● **About this exercise**
After locating the line that contains "#60=IFCINDEXEDPOLYGONALFACE((3,4,8,7));" in the data below, set down exactly that line and each one after it through the line that contains "#75=IFCPOLYGONALFACESET(#74,$,(#68,#69,#70,#71,#72,#73),$);", and nothing more.

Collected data
********************
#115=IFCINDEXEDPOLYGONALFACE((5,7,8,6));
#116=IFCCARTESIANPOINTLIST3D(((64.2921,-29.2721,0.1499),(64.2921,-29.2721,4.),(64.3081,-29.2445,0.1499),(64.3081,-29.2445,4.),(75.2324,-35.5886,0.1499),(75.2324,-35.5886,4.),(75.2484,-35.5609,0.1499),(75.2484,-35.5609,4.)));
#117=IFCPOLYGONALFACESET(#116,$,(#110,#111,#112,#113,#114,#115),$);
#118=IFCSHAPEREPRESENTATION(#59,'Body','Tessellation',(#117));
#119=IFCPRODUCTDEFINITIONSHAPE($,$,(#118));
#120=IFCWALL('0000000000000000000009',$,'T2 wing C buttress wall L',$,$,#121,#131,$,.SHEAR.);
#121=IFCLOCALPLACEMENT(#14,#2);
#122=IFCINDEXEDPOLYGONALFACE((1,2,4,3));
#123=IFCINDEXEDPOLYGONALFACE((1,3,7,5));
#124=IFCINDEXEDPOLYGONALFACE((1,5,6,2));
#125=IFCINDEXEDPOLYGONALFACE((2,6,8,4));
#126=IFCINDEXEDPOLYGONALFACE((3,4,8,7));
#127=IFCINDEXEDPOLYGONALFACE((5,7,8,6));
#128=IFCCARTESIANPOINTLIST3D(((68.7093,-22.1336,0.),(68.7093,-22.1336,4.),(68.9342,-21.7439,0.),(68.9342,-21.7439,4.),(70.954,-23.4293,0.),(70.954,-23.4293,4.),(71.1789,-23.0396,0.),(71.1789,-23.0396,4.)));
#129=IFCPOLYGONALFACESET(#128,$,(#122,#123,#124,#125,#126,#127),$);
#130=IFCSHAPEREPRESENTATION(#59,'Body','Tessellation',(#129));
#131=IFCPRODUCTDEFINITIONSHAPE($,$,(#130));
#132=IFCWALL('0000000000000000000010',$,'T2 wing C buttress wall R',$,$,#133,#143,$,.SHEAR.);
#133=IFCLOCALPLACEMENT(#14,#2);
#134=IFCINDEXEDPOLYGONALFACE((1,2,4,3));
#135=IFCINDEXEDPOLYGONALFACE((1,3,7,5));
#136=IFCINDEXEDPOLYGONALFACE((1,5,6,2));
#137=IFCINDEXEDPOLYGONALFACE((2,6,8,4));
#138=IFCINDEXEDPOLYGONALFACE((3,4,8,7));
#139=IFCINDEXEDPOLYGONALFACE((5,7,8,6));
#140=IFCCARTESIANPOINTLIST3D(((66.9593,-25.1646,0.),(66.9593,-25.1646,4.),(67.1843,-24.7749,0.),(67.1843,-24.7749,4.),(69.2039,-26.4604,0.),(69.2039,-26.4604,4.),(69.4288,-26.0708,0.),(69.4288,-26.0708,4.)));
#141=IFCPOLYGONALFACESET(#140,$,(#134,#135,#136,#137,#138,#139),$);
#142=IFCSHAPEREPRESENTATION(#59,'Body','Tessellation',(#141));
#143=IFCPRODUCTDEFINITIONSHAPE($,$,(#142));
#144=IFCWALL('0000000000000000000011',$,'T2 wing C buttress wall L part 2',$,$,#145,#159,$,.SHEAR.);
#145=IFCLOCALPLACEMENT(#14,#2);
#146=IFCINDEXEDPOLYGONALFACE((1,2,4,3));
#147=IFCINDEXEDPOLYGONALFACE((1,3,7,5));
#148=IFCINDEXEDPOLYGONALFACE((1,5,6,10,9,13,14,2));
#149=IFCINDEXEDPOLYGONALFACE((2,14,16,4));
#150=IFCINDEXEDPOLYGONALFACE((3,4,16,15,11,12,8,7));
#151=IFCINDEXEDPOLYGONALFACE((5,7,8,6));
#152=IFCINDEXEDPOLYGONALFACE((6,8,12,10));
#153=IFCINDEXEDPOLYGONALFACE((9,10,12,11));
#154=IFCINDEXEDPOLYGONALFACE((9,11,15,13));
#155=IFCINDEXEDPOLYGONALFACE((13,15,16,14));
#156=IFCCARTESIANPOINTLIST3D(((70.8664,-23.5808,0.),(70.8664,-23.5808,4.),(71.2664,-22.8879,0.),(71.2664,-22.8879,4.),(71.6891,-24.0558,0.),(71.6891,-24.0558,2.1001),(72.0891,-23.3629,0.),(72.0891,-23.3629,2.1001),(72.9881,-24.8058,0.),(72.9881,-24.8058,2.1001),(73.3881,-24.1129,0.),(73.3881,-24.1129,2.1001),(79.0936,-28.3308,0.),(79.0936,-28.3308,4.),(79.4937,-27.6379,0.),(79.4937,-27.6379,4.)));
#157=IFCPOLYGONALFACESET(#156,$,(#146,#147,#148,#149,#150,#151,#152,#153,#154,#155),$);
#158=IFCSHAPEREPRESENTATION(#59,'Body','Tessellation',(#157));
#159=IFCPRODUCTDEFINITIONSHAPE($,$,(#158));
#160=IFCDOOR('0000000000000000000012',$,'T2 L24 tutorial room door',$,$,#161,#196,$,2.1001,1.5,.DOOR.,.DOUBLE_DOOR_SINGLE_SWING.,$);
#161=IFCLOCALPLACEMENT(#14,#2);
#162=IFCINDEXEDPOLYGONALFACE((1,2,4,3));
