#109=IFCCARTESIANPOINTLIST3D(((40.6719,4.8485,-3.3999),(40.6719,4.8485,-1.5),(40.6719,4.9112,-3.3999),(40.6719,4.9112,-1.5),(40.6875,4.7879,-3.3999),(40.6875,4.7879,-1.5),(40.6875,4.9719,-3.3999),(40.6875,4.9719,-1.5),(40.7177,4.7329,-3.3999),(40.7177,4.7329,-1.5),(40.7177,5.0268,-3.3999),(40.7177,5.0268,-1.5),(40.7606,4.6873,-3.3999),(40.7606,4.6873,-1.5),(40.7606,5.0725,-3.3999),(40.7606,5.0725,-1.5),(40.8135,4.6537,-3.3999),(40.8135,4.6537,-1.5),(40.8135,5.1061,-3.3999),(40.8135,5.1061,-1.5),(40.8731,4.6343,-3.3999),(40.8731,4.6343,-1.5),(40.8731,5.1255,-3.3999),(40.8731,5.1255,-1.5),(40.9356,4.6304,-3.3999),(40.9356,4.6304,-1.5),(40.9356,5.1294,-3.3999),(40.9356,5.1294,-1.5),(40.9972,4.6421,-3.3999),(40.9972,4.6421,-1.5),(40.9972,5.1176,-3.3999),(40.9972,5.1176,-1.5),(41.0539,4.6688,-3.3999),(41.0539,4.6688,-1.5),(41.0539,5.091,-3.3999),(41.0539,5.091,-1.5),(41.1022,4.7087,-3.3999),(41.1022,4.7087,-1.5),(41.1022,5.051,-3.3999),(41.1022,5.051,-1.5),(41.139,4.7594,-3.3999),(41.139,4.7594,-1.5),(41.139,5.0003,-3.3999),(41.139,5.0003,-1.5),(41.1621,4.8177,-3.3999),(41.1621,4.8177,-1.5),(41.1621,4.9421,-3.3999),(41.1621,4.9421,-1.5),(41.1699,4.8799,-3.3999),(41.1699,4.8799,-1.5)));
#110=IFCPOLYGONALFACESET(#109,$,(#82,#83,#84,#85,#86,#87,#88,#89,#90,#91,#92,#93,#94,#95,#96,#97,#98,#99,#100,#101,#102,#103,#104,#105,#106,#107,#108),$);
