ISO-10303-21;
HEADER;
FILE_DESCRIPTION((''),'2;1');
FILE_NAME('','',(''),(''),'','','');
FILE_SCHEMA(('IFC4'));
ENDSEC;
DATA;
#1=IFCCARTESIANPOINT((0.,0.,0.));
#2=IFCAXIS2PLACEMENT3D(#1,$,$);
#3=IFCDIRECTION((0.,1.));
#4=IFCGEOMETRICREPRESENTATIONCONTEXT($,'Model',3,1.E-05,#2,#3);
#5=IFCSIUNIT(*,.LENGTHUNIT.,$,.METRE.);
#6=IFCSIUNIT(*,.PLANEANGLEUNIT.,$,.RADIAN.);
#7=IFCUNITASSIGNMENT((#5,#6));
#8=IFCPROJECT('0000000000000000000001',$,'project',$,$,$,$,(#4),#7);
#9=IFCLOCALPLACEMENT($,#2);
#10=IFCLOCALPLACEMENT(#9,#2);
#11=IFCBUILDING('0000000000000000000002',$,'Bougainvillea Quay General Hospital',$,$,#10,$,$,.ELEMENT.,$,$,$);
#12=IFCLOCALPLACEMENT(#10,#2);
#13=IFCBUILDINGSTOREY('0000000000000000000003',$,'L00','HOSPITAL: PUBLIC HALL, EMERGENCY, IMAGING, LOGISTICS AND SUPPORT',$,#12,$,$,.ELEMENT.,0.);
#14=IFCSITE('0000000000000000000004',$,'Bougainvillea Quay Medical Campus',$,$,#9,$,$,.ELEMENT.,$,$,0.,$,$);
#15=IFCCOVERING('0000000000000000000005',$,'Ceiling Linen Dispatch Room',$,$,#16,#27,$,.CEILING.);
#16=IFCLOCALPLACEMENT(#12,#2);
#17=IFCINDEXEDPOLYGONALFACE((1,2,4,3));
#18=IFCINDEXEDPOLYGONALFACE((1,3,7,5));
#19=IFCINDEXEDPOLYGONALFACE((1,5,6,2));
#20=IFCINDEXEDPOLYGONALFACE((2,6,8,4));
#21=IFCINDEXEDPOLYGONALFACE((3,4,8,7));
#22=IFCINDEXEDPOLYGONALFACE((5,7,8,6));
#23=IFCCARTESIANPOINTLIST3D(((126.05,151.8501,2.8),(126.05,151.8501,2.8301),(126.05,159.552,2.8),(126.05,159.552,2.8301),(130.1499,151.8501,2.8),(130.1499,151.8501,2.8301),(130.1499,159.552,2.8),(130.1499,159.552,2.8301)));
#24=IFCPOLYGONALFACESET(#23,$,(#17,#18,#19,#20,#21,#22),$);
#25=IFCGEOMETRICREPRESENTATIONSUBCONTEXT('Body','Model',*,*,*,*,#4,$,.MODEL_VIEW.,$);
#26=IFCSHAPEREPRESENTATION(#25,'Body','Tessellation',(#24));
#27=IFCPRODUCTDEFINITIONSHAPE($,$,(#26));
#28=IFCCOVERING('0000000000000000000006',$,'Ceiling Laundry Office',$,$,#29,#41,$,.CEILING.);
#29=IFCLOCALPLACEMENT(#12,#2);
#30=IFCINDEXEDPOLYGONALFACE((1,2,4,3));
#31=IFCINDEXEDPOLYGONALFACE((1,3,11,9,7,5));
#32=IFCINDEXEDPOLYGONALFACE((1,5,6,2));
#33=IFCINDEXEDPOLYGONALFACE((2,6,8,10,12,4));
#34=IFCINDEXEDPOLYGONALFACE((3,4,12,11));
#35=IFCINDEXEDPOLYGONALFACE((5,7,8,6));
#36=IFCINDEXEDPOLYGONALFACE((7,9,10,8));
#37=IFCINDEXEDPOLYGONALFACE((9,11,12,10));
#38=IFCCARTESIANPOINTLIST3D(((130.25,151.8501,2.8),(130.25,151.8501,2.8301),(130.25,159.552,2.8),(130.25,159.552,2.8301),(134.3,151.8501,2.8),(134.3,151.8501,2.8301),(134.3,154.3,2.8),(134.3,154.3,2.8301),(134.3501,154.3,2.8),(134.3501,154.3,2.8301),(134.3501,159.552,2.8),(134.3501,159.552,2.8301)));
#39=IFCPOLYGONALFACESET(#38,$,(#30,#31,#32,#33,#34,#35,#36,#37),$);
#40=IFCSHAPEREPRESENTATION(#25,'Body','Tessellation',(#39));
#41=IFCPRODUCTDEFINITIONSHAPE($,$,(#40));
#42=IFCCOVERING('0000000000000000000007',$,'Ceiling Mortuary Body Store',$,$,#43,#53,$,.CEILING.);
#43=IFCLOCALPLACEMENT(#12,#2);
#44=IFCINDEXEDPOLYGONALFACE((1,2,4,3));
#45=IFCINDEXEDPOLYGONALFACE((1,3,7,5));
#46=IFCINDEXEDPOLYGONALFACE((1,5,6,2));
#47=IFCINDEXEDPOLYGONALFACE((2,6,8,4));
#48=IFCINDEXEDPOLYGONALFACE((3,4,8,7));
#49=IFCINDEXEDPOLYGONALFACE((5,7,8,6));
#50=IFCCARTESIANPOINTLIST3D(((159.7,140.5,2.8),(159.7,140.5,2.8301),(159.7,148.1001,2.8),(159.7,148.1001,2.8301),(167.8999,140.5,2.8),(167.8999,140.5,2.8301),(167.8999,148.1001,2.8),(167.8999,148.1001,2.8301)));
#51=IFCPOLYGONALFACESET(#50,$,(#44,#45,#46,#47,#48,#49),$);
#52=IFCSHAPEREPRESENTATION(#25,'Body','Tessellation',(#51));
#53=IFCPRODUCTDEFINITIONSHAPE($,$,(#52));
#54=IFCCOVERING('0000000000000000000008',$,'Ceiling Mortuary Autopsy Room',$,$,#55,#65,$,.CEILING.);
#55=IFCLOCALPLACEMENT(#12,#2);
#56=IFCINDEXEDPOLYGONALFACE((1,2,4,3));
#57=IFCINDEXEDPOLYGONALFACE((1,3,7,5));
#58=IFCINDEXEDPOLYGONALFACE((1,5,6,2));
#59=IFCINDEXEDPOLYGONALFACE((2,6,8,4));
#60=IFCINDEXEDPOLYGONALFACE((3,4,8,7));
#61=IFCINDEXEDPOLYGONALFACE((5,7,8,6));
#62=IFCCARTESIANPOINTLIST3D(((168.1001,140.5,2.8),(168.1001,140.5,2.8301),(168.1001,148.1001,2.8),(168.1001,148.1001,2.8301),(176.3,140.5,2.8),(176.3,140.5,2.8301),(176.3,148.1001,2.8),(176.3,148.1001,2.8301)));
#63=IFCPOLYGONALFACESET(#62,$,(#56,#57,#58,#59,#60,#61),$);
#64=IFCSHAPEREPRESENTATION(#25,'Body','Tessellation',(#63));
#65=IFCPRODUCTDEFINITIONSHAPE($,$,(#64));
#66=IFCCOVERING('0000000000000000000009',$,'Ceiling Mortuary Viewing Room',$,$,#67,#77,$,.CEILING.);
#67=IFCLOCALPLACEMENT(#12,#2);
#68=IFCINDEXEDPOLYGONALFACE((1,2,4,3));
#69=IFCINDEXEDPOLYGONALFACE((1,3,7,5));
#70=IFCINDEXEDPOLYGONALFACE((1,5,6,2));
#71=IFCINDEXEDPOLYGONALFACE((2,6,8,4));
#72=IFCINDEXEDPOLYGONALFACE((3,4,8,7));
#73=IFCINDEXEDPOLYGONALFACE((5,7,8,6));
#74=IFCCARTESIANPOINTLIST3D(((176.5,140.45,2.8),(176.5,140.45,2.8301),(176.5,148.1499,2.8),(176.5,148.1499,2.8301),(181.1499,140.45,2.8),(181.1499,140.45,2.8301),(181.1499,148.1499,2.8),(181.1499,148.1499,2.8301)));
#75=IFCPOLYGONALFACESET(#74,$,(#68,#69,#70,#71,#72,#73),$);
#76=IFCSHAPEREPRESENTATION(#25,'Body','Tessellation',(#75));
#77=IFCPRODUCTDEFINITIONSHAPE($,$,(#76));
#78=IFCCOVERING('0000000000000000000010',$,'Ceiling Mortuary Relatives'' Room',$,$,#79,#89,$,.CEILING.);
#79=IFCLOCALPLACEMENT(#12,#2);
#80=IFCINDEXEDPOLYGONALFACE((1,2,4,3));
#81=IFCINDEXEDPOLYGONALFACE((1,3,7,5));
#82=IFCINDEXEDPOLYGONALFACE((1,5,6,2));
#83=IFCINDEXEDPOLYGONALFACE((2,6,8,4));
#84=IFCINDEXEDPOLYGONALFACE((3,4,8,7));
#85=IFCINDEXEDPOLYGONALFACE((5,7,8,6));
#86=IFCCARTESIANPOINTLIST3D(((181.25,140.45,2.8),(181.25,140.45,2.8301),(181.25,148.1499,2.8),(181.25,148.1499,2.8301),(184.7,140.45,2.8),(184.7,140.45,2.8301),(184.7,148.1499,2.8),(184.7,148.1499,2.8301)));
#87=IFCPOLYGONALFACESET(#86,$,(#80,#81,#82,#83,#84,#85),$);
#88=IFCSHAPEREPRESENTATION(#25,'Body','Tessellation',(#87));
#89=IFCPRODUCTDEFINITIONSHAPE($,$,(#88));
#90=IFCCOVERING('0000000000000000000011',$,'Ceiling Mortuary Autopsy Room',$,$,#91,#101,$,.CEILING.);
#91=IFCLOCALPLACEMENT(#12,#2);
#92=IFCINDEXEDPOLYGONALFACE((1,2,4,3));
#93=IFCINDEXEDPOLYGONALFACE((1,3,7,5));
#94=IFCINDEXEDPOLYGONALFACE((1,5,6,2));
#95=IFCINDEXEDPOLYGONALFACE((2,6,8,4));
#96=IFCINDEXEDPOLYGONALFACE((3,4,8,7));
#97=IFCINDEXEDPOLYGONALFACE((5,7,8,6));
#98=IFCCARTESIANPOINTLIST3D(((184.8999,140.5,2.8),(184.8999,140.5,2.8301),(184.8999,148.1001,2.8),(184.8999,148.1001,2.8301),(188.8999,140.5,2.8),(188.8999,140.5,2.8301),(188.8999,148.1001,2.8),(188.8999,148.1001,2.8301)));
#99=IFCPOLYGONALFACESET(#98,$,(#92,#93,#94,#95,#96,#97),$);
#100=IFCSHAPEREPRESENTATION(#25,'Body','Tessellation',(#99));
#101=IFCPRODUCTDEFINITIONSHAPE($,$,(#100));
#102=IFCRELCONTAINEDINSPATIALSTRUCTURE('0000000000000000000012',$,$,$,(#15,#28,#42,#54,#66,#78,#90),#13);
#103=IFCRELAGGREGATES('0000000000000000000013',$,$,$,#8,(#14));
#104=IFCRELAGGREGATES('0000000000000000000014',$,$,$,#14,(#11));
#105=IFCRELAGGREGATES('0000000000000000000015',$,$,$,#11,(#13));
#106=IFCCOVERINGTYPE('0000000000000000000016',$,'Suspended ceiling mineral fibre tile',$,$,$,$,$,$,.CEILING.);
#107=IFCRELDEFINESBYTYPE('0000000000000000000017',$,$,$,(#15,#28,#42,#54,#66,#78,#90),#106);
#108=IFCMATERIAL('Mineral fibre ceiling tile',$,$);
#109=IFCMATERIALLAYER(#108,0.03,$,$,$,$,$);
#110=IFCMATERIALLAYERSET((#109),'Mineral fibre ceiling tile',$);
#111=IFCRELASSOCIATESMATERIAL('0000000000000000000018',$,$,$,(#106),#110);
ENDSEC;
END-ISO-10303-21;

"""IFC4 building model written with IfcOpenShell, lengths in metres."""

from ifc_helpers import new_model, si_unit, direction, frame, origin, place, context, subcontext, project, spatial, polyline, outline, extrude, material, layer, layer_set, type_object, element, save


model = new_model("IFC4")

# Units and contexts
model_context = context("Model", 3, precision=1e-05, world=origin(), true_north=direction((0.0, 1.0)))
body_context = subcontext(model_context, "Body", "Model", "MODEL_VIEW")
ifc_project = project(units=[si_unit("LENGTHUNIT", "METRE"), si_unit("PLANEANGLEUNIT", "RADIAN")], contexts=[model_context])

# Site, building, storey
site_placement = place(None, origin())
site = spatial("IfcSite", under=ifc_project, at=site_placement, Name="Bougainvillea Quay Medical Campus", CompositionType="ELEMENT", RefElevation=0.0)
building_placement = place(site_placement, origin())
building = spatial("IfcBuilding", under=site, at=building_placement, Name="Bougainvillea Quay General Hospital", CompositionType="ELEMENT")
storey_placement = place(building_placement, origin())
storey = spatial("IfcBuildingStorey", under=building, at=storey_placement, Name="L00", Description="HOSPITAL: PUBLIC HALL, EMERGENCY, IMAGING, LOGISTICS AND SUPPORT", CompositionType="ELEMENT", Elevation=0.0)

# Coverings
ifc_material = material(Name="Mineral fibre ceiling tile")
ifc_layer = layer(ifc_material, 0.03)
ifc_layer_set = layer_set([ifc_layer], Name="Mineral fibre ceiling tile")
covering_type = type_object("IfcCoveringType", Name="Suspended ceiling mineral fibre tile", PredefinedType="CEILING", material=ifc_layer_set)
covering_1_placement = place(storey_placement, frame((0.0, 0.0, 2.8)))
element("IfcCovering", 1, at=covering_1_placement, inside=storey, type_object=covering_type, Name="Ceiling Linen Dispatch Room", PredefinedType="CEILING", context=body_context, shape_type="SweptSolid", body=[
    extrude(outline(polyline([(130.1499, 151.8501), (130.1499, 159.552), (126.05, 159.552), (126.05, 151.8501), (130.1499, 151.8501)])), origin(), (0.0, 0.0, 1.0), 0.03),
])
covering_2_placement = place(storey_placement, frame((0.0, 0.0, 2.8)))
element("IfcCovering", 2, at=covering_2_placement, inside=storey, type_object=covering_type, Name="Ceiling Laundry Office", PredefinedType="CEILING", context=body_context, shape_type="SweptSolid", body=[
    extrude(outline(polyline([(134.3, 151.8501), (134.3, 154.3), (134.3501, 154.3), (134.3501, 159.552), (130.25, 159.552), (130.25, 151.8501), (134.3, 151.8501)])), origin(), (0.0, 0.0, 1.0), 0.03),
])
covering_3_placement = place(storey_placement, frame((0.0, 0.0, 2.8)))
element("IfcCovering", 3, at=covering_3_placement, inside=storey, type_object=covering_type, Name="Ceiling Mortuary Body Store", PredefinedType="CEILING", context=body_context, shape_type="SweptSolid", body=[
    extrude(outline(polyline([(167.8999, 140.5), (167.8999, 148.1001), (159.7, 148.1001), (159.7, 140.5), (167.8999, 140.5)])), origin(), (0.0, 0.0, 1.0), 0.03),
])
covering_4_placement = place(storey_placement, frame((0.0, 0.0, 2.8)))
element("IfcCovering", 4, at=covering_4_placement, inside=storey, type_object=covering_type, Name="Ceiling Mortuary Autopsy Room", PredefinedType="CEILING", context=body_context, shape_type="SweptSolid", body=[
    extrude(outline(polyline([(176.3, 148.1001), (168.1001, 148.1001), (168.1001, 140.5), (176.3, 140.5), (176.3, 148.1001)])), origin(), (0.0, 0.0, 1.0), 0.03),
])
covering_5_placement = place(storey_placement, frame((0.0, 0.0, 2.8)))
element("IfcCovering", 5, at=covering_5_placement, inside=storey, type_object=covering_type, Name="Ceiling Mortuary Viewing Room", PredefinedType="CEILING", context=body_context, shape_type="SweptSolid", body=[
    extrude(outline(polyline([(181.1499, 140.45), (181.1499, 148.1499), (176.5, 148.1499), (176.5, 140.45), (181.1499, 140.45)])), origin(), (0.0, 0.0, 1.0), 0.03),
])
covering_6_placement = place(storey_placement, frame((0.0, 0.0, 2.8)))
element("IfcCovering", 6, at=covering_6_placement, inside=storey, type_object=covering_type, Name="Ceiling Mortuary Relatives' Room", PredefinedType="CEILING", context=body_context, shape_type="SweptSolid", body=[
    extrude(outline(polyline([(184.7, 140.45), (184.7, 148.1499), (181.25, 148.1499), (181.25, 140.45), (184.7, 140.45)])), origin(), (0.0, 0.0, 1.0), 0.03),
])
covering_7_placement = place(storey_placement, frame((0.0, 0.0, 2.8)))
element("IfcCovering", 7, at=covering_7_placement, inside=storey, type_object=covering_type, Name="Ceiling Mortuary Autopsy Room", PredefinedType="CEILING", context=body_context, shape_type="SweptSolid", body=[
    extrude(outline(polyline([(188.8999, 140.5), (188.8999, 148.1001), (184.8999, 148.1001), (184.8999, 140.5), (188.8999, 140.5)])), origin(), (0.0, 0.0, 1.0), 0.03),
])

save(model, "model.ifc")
********************
● **Expected answer**
#60=IFCINDEXEDPOLYGONALFACE((3,4,8,7));
#61=IFCINDEXEDPOLYGONALFACE((5,7,8,6));
#62=IFCCARTESIANPOINTLIST3D(((168.1001,140.5,2.8),(168.1001,140.5,2.8301),(168.1001,148.1001,2.8),(168.1001,148.1001,2.8301),(176.3,140.5,2.8),(176.3,140.5,2.8301),(176.3,148.1001,2.8),(176.3,148.1001,2.8301)));
#63=IFCPOLYGONALFACESET(#62,$,(#56,#57,#58,#59,#60,#61),$);
#64=IFCSHAPEREPRESENTATION(#25,'Body','Tessellation',(#63));
#65=IFCPRODUCTDEFINITIONSHAPE($,$,(#64));
#66=IFCCOVERING('0000000000000000000009',$,'Ceiling Mortuary Viewing Room',$,$,#67,#77,$,.CEILING.);
#67=IFCLOCALPLACEMENT(#12,#2);
#68=IFCINDEXEDPOLYGONALFACE((1,2,4,3));
#69=IFCINDEXEDPOLYGONALFACE((1,3,7,5));
#70=IFCINDEXEDPOLYGONALFACE((1,5,6,2));
#71=IFCINDEXEDPOLYGONALFACE((2,6,8,4));
#72=IFCINDEXEDPOLYGONALFACE((3,4,8,7));
#73=IFCINDEXEDPOLYGONALFACE((5,7,8,6));
#74=IFCCARTESIANPOINTLIST3D(((176.5,140.45,2.8),(176.5,140.45,2.8301),(176.5,148.1499,2.8),(176.5,148.1499,2.8301),(181.1499,140.45,2.8),(181.1499,140.45,2.8301),(181.1499,148.1499,2.8),(181.1499,148.1499,2.8301)));
#75=IFCPOLYGONALFACESET(#74,$,(#68,#69,#70,#71,#72,#73),$);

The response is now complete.